### YOUR ASSIGNMENT
Scan the entries for "IFCPRODUCTDEFINITIONSHAPE". Every line that holds it is to be copied.

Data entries
━━━━━━━━━━━━━━━━
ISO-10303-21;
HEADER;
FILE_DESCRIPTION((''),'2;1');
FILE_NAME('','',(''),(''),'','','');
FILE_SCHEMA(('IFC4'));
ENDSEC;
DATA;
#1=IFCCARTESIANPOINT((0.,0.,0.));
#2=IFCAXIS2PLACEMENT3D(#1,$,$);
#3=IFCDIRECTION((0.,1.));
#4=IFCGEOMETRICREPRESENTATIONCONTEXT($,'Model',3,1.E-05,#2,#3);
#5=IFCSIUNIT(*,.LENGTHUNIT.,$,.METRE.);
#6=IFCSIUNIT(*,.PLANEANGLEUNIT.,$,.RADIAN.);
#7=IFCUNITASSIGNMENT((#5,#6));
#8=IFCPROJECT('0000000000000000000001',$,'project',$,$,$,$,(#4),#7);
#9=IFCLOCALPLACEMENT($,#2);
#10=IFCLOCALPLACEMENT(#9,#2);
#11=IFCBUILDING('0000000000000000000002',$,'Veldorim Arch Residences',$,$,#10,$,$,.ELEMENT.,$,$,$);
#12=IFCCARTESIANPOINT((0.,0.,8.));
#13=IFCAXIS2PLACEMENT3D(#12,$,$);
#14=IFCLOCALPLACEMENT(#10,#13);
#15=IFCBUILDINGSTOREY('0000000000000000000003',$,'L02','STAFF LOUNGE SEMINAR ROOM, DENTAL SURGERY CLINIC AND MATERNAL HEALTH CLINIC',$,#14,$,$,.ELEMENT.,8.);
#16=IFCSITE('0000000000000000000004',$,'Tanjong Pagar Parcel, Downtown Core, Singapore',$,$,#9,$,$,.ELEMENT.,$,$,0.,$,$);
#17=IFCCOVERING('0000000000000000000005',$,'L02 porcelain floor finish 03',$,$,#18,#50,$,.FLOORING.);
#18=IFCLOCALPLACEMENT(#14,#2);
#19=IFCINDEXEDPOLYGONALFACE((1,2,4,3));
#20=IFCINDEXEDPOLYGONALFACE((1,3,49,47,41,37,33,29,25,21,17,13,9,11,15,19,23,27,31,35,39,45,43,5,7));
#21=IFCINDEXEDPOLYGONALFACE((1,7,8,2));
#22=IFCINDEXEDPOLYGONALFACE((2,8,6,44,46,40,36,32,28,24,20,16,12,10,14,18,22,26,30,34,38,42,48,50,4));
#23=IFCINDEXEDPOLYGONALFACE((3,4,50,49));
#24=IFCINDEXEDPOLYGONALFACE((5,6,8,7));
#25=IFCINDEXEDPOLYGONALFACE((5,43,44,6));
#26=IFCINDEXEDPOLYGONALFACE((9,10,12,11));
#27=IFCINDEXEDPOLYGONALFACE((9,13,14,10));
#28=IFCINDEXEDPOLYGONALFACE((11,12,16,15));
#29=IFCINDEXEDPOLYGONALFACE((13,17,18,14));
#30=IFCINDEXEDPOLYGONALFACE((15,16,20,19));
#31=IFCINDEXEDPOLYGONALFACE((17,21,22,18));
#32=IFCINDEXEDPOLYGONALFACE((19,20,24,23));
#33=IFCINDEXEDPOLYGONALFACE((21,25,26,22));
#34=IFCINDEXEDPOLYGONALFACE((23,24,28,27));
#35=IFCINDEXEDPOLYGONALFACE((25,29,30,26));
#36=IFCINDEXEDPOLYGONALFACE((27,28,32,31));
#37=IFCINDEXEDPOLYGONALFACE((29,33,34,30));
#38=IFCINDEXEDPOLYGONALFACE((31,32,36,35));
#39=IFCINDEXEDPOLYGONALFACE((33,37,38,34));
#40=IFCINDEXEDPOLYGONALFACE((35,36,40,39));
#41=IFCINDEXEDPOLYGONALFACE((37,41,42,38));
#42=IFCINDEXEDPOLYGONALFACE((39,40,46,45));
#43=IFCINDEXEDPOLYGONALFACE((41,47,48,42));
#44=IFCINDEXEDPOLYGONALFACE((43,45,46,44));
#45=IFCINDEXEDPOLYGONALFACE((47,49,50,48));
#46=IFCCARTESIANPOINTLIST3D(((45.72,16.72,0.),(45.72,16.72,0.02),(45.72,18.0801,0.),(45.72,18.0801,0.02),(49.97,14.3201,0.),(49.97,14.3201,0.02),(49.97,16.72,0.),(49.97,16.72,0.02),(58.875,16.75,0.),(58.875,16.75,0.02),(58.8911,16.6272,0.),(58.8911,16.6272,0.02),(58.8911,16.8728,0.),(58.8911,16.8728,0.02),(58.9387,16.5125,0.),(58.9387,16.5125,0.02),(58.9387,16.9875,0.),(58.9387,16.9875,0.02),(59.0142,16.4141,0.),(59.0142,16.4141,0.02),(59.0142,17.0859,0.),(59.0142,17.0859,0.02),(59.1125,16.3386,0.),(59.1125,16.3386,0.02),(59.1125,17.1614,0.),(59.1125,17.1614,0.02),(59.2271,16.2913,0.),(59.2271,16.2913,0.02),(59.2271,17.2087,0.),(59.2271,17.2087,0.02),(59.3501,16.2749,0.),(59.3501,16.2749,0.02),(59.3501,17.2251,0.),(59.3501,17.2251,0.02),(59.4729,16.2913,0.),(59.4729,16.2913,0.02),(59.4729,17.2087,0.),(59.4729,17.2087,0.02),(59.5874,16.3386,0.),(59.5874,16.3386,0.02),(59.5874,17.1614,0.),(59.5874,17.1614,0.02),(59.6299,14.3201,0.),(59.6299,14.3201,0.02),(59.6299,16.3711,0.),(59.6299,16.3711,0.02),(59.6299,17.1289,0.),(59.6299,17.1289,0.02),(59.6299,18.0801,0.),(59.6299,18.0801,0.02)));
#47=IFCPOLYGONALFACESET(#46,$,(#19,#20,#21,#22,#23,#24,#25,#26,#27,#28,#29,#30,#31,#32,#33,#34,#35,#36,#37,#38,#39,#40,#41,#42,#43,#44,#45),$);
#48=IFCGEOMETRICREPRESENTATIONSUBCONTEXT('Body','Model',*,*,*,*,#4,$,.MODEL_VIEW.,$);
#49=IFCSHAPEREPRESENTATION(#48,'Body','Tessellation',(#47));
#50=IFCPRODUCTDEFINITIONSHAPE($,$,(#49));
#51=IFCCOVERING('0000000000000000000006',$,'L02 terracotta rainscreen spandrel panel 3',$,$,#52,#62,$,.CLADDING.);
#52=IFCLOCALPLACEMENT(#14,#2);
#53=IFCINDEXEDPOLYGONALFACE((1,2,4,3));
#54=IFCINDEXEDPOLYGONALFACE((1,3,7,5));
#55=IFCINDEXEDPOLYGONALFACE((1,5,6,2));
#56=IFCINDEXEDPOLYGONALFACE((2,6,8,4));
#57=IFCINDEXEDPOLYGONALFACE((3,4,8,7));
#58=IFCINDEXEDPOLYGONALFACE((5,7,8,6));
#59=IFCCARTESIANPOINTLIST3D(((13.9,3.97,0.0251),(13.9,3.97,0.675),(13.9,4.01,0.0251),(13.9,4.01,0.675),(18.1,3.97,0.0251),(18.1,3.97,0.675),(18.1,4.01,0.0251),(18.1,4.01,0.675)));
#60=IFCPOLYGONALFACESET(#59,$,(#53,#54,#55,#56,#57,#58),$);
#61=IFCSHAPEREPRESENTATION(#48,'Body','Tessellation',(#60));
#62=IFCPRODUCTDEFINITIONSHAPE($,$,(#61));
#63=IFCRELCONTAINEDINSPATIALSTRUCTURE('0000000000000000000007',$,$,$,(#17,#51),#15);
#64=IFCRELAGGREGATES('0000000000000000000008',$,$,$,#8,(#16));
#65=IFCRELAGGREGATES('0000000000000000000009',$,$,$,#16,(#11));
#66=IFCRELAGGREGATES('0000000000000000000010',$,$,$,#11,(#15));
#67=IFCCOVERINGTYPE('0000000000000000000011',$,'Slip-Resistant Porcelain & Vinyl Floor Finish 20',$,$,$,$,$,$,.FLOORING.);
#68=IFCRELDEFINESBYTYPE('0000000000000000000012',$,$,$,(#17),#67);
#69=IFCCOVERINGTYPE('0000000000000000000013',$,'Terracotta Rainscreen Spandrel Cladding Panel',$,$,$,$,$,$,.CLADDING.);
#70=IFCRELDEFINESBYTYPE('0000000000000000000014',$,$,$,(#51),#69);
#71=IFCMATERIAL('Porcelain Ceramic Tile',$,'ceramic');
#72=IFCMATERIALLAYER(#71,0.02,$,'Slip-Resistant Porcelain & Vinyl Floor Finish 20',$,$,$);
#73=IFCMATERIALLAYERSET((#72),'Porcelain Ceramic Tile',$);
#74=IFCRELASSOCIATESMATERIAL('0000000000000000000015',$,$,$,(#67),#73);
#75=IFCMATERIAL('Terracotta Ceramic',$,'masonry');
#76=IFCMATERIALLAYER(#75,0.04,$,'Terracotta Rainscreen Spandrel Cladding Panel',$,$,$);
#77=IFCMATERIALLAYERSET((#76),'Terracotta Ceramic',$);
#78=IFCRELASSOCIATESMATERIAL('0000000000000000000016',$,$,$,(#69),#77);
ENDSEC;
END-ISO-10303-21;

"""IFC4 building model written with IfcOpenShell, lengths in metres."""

from ifc_helpers import new_model, si_unit, direction, frame, origin, origin_2d, place, context, subcontext, project, spatial, polyline, rectangle, outline, extrude, material, layer, layer_set, type_object, element, save


model = new_model("IFC4")

# Units and contexts
model_context = context("Model", 3, precision=1e-05, world=origin(), true_north=direction((0.0, 1.0)))
body_context = subcontext(model_context, "Body", "Model", "MODEL_VIEW")
ifc_project = project(units=[si_unit("LENGTHUNIT", "METRE"), si_unit("PLANEANGLEUNIT", "RADIAN")], contexts=[model_context])

# Site, building, storey
site_placement = place(None, origin())
site = spatial("IfcSite", under=ifc_project, at=site_placement, Name="Tanjong Pagar Parcel, Downtown Core, Singapore", CompositionType="ELEMENT", RefElevation=0.0)
building_placement = place(site_placement, origin())
building = spatial("IfcBuilding", under=site, at=building_placement, Name="Veldorim Arch Residences", CompositionType="ELEMENT")
storey_placement = place(building_placement, frame((0.0, 0.0, 8.0)))
storey = spatial("IfcBuildingStorey", under=building, at=storey_placement, Name="L02", Description="STAFF LOUNGE SEMINAR ROOM, DENTAL SURGERY CLINIC AND MATERNAL HEALTH CLINIC", CompositionType="ELEMENT", Elevation=8.0)

# Coverings
ifc_material_1 = material(Name="Porcelain Ceramic Tile", Category="ceramic")
ifc_layer_1 = layer(ifc_material_1, 0.02, Name="Slip-Resistant Porcelain & Vinyl Floor Finish 20")
ifc_layer_set_1 = layer_set([ifc_layer_1], Name="Porcelain Ceramic Tile")
covering_type_1 = type_object("IfcCoveringType", Name="Slip-Resistant Porcelain & Vinyl Floor Finish 20", PredefinedType="FLOORING", material=ifc_layer_set_1)
covering_1_placement = place(storey_placement, origin())
element("IfcCovering", 1, at=covering_1_placement, inside=storey, type_object=covering_type_1, Name="L02 porcelain floor finish 03", PredefinedType="FLOORING", context=body_context, shape_type="SweptSolid", body=[
    extrude(outline(polyline([(49.97, 16.72), (45.72, 16.72), (45.72, 18.0801), (59.6299, 18.0801), (59.6299, 17.1289), (59.5874, 17.1614), (59.4729, 17.2087), (59.3501, 17.2251), (59.2271, 17.2087), (59.1125, 17.1614), (59.0142, 17.0859), (58.9387, 16.9875), (58.8911, 16.8728), (58.875, 16.75), (58.8911, 16.6272), (58.9387, 16.5125), (59.0142, 16.4141), (59.1125, 16.3386), (59.2271, 16.2913), (59.3501, 16.2749), (59.4729, 16.2913), (59.5874, 16.3386), (59.6299, 16.3711), (59.6299, 14.3201), (49.97, 14.3201), (49.97, 16.72)])), origin(), (0.0, 0.0, 1.0), 0.02),
])
ifc_material_2 = material(Name="Terracotta Ceramic", Category="masonry")
ifc_layer_2 = layer(ifc_material_2, 0.04, Name="Terracotta Rainscreen Spandrel Cladding Panel")
ifc_layer_set_2 = layer_set([ifc_layer_2], Name="Terracotta Ceramic")
covering_type_2 = type_object("IfcCoveringType", Name="Terracotta Rainscreen Spandrel Cladding Panel", PredefinedType="CLADDING", material=ifc_layer_set_2)
covering_2_placement = place(storey_placement, frame((16.0, 3.99, 0.0251), z_axis=(0.0, 0.0, 1.0), x_axis=(1.0, 0.0, 0.0)))
element("IfcCovering", 2, at=covering_2_placement, inside=storey, type_object=covering_type_2, Name="L02 terracotta rainscreen spandrel panel 3", PredefinedType="CLADDING", context=body_context, shape_type="SweptSolid", body=[
    extrude(rectangle(XDim=4.2, YDim=0.04, at=origin_2d()), origin(), (0.0, 0.0, 1.0), 0.6499),
])

save(model, "model.ifc")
━━━━━━━━━━━━━━━━
### REPLY
#50=IFCPRODUCTDEFINITIONSHAPE($,$,(#49));
#62=IFCPRODUCTDEFINITIONSHAPE($,$,(#61));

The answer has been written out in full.